--- Recorded data Enclosed Below ---
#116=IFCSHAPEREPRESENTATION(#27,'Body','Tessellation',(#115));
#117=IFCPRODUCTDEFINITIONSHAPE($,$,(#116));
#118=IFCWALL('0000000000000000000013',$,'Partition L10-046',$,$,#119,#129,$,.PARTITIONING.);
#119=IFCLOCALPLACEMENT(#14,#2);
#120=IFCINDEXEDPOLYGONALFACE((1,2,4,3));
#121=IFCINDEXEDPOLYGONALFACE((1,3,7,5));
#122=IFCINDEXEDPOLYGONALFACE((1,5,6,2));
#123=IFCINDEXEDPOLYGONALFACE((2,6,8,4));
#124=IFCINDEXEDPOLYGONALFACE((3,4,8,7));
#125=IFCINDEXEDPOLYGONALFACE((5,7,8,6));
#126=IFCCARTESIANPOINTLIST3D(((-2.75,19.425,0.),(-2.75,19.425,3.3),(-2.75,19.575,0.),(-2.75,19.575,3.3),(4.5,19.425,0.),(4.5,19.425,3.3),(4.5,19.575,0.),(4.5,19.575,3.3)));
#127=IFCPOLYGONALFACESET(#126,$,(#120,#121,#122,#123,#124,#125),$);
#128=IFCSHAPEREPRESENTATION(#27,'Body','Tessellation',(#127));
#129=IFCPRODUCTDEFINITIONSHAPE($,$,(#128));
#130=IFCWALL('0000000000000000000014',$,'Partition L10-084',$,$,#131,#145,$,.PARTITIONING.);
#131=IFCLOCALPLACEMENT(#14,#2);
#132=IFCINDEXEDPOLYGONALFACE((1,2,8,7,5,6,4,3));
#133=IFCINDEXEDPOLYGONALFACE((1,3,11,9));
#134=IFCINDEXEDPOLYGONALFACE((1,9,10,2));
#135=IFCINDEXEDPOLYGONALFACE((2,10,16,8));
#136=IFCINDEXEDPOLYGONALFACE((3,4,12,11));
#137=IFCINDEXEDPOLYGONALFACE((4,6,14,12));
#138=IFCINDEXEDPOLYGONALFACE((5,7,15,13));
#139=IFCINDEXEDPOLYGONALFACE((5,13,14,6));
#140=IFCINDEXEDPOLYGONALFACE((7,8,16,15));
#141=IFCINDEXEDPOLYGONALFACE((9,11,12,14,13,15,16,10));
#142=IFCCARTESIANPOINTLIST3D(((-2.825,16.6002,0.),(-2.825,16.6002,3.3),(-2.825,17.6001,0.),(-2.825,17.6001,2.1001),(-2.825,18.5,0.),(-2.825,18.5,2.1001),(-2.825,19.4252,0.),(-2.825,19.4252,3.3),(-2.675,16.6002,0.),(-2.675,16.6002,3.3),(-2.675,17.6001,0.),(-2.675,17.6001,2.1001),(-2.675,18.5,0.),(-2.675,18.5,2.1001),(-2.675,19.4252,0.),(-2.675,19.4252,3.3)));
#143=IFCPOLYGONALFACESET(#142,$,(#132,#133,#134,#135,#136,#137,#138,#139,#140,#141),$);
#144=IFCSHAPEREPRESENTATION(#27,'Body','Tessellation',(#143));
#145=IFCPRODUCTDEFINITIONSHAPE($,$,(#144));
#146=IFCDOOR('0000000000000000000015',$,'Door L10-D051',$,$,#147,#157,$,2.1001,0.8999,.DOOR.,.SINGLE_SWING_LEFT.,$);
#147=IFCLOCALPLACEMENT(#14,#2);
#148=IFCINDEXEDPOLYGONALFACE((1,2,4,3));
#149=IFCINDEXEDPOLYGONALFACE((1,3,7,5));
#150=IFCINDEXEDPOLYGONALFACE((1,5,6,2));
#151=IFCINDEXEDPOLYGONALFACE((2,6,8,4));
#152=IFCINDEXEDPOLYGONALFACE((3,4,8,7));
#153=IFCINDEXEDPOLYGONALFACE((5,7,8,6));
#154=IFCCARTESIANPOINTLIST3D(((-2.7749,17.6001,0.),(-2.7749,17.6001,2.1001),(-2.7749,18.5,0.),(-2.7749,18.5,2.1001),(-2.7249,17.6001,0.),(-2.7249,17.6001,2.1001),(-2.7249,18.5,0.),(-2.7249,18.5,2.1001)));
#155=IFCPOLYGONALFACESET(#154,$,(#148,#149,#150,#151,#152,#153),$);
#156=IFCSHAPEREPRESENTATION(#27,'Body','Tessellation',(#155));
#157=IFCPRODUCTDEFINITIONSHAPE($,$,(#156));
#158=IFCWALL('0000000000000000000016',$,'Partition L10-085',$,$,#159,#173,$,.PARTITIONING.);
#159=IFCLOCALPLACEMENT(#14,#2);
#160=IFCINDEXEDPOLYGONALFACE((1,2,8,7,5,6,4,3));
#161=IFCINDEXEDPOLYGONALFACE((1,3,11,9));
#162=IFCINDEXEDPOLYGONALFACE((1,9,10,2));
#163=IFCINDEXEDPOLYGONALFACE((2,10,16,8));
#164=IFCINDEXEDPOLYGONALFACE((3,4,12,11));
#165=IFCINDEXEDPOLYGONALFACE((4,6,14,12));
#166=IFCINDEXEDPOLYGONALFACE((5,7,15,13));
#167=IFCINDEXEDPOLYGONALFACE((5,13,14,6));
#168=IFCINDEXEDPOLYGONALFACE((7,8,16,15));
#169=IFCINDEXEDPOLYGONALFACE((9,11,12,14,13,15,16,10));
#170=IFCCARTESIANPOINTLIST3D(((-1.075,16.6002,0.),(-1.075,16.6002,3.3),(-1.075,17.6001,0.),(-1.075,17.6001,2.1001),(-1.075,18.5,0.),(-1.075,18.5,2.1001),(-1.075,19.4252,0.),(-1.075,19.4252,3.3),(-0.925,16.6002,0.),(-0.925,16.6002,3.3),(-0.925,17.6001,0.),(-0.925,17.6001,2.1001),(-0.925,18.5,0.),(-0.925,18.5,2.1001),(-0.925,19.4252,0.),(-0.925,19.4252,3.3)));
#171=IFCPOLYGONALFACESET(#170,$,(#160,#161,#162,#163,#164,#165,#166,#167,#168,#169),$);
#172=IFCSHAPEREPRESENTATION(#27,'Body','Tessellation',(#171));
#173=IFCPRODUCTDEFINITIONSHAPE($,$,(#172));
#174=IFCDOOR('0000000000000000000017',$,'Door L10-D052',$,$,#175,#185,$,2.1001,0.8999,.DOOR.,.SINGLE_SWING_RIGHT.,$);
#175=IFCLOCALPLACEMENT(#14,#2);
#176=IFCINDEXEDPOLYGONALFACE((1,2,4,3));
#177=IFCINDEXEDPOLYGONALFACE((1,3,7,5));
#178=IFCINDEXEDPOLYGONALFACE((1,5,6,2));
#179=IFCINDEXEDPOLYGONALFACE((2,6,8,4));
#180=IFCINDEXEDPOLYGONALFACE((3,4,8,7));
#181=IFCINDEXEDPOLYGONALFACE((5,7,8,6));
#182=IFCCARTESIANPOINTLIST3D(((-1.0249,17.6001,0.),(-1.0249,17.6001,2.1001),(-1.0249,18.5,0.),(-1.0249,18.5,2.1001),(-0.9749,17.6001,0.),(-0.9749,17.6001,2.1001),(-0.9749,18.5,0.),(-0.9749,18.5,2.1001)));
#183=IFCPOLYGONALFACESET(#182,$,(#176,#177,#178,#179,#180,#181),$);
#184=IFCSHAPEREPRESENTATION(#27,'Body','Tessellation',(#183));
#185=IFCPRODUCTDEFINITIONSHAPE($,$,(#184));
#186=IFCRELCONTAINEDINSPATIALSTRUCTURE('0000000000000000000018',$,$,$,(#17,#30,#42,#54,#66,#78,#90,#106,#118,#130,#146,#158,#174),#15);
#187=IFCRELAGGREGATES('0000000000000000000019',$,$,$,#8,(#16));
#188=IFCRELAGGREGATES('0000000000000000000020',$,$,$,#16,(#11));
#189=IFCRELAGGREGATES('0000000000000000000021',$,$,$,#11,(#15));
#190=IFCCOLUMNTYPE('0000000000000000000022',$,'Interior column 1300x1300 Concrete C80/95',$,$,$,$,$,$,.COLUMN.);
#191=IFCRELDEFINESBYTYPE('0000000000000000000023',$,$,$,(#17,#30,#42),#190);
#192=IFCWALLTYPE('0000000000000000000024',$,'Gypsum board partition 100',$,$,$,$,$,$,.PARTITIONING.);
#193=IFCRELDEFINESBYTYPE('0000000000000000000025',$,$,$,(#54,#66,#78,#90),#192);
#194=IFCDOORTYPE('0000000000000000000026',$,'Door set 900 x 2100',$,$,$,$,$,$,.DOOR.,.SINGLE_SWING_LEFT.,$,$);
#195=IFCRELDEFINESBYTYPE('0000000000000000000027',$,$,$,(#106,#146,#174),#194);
--- End of Enclosed Recorded data ---
--- Recorded data Enclosed Below ---
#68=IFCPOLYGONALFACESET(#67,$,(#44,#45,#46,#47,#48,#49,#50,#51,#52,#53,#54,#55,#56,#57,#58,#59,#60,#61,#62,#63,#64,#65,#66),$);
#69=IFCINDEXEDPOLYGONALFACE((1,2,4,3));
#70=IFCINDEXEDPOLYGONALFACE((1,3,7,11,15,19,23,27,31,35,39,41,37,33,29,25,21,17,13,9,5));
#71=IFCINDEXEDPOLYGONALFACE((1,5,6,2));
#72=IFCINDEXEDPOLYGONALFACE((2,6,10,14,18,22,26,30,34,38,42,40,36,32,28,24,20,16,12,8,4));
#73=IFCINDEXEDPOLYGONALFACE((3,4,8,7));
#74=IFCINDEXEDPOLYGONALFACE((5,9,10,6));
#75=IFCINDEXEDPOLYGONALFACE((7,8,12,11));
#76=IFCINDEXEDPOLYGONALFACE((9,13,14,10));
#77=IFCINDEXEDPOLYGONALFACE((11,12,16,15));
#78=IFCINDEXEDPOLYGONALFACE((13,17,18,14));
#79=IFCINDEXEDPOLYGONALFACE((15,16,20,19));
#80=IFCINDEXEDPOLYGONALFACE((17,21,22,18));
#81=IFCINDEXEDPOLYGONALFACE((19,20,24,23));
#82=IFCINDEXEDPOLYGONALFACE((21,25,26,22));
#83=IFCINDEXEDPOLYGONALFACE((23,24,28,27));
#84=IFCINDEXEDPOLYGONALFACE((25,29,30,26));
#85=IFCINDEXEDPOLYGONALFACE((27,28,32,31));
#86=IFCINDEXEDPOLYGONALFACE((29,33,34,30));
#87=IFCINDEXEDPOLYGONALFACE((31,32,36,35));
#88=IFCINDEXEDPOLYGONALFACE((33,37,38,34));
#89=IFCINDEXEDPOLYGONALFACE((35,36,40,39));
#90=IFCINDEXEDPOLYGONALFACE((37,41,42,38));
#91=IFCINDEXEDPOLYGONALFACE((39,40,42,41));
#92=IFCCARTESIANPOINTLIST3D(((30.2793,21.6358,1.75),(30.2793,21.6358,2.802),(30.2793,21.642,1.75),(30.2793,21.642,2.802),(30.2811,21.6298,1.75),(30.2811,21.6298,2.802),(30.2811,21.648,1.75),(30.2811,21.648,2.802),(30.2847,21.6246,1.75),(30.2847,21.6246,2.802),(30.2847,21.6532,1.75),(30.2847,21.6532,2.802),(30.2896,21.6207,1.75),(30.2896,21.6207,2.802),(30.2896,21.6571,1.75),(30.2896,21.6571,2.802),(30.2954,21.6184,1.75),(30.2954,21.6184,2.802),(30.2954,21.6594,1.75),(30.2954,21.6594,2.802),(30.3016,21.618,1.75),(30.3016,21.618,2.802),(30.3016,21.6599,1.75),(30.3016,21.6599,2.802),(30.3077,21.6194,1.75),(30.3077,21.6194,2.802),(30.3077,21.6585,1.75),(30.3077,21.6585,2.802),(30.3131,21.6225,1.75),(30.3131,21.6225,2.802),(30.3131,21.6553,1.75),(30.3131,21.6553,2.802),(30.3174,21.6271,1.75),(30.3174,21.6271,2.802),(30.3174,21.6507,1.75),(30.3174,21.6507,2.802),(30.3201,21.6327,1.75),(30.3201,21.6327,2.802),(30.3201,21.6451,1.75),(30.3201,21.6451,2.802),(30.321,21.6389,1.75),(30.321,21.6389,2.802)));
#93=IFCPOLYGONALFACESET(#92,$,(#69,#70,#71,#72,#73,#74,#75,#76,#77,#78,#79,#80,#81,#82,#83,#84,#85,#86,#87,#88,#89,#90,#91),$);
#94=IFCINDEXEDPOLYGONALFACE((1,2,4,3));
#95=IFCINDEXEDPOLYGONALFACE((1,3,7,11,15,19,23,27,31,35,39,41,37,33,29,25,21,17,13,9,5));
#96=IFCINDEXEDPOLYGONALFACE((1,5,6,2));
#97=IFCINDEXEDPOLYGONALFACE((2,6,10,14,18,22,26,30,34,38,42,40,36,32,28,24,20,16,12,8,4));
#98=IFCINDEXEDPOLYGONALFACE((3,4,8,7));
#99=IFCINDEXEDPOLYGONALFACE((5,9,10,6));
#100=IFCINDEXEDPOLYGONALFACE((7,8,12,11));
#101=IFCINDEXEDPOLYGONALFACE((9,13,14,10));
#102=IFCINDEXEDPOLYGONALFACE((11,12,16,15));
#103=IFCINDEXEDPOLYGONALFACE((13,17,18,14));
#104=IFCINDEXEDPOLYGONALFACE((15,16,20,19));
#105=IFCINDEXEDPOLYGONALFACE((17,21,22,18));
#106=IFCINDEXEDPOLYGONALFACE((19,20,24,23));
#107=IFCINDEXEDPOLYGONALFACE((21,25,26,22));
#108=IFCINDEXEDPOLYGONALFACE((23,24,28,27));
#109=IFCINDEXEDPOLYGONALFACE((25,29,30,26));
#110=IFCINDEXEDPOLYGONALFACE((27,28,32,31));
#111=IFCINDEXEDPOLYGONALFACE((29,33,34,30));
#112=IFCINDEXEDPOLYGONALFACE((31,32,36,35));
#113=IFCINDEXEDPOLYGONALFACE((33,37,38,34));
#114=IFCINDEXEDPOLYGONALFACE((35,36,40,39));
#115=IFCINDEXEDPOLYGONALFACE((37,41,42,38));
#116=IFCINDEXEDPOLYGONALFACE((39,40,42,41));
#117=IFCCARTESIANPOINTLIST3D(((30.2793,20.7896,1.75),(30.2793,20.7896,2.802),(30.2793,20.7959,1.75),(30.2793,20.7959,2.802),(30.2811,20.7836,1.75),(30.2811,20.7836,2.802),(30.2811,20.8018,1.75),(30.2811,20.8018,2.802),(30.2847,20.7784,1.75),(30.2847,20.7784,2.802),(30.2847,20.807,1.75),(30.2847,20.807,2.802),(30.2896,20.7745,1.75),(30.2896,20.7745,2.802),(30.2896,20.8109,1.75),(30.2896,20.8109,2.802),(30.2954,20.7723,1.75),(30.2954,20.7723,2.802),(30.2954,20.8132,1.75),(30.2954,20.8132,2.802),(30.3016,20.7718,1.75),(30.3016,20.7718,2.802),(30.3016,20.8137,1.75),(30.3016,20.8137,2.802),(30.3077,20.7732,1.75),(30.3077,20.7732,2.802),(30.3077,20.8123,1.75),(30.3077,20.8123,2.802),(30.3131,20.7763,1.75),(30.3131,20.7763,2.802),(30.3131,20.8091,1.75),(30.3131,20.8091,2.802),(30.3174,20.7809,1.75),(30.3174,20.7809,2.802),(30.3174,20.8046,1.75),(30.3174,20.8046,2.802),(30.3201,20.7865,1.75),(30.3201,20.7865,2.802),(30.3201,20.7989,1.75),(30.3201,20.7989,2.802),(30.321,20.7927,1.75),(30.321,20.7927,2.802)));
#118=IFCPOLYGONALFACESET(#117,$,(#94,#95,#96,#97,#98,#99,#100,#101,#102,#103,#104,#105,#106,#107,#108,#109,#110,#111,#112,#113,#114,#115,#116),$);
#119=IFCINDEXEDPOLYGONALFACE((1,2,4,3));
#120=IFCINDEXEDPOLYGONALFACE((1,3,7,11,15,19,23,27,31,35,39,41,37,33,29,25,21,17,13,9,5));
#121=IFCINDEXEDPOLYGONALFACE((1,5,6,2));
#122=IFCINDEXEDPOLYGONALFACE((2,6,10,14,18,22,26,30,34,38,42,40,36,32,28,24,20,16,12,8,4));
--- End of Enclosed Recorded data ---
--- Recorded data Enclosed Below ---
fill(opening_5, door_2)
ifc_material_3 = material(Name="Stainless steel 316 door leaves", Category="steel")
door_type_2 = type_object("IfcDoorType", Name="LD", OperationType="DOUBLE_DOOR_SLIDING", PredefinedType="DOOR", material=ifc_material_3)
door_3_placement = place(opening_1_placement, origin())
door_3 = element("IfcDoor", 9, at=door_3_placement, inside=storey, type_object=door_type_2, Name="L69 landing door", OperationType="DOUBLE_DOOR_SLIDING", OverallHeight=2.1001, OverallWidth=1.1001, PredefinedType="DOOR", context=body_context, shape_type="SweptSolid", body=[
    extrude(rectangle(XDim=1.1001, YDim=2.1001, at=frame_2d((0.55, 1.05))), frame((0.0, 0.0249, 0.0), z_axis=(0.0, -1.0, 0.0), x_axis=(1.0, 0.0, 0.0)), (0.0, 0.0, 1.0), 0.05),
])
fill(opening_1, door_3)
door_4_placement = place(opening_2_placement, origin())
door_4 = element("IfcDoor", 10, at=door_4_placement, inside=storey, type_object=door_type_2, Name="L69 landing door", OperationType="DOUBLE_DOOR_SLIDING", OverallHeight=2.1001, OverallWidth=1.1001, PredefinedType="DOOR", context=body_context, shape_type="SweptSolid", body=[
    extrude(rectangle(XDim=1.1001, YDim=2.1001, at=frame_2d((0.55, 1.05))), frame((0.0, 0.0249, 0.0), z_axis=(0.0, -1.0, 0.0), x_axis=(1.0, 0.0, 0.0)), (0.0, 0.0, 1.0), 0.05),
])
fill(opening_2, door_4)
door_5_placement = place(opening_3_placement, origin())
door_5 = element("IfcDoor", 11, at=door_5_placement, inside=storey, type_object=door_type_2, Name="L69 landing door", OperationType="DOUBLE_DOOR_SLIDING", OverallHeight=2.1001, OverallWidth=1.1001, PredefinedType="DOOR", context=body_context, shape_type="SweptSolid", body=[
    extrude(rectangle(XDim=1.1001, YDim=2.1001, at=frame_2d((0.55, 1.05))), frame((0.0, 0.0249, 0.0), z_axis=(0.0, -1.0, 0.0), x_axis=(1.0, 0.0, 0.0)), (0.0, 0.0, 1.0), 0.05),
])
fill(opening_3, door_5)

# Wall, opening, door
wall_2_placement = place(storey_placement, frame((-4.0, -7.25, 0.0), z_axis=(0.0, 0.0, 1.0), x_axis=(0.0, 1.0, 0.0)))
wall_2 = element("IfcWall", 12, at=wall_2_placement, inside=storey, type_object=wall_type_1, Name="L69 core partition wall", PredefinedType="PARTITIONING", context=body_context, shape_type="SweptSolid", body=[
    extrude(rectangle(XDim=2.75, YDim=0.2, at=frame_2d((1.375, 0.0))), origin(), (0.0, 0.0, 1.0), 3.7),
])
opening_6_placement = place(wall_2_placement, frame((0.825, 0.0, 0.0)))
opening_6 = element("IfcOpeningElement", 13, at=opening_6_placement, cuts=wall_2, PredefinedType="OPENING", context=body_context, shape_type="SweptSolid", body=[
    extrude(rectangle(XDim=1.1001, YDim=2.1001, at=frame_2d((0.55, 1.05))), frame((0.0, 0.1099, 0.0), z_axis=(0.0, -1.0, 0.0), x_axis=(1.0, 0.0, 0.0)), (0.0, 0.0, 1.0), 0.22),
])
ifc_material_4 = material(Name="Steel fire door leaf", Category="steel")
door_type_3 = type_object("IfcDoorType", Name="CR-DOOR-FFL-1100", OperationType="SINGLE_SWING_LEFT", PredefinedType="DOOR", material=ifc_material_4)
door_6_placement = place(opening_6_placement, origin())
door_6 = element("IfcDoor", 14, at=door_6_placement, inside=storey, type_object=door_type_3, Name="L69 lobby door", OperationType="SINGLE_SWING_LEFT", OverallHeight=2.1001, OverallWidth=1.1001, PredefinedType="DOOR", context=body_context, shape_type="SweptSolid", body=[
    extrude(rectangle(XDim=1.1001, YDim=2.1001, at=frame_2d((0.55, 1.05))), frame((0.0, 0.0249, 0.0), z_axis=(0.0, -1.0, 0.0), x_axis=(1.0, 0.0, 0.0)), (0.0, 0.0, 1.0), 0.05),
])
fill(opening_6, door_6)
--- End of Enclosed Recorded data ---
Required action
Please give an exact copy of the lines above, beginning with the line containing "#189=IFCRELAGGREGATES('0000000000000000000021',$,$,$,#11,(#15));" and running through the line containing "#194=IFCDOORTYPE('0000000000000000000026',$,'Door set 900", and of no other lines.

Completed task
#189=IFCRELAGGREGATES('0000000000000000000021',$,$,$,#11,(#15));
#190=IFCCOLUMNTYPE('0000000000000000000022',$,'Interior column 1300x1300 Concrete C80/95',$,$,$,$,$,$,.COLUMN.);
#191=IFCRELDEFINESBYTYPE('0000000000000000000023',$,$,$,(#17,#30,#42),#190);
#192=IFCWALLTYPE('0000000000000000000024',$,'Gypsum board partition 100',$,$,$,$,$,$,.PARTITIONING.);
#193=IFCRELDEFINESBYTYPE('0000000000000000000025',$,$,$,(#54,#66,#78,#90),#192);
#194=IFCDOORTYPE('0000000000000000000026',$,'Door set 900 x 2100',$,$,$,$,$,$,.DOOR.,.SINGLE_SWING_LEFT.,$,$);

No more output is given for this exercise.